[[ Data to process, beginning ]]

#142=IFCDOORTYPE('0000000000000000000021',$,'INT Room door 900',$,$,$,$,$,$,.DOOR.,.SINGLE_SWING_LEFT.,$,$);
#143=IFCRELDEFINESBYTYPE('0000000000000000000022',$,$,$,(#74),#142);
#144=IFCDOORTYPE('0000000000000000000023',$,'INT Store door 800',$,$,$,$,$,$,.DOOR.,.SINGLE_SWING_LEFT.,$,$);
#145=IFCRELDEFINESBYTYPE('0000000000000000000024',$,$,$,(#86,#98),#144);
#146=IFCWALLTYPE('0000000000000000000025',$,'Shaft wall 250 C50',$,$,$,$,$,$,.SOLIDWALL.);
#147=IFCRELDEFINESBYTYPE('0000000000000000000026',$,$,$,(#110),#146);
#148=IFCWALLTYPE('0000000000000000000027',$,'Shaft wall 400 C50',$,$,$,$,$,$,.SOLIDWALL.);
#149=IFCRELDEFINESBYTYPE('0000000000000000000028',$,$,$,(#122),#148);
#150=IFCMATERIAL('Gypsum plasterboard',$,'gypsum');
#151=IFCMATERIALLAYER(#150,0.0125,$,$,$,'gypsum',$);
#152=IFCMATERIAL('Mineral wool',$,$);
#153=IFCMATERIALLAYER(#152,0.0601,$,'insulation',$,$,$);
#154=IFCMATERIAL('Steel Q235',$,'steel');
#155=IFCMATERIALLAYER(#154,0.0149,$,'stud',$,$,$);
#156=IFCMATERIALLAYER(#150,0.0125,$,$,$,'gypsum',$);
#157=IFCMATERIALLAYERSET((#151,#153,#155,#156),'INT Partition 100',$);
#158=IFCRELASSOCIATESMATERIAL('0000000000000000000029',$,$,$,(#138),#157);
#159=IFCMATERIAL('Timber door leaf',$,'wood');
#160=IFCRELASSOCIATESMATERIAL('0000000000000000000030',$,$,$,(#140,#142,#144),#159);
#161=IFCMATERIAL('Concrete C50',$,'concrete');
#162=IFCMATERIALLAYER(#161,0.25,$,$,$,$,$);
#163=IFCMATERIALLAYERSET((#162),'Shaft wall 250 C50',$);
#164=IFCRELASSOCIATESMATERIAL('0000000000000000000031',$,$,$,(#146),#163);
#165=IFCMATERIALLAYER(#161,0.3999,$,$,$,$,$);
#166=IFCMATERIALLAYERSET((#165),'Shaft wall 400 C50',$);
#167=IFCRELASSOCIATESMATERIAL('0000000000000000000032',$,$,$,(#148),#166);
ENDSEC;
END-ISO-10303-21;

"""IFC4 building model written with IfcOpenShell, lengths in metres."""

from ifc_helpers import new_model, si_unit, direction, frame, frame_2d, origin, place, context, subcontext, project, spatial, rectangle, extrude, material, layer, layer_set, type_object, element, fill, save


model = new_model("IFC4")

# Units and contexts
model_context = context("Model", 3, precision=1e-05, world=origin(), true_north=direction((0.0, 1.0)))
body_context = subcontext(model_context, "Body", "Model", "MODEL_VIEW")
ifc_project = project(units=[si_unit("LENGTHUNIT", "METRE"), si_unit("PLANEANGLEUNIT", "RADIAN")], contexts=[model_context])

[[ Data to process, end ]]

Only the lines containing the word "IFCDOORTYPE" should be returned from the data above.

#142=IFCDOORTYPE('0000000000000000000021',$,'INT Room door 900',$,$,$,$,$,$,.DOOR.,.SINGLE_SWING_LEFT.,$,$);
#144=IFCDOORTYPE('0000000000000000000023',$,'INT Store door 800',$,$,$,$,$,$,.DOOR.,.SINGLE_SWING_LEFT.,$,$);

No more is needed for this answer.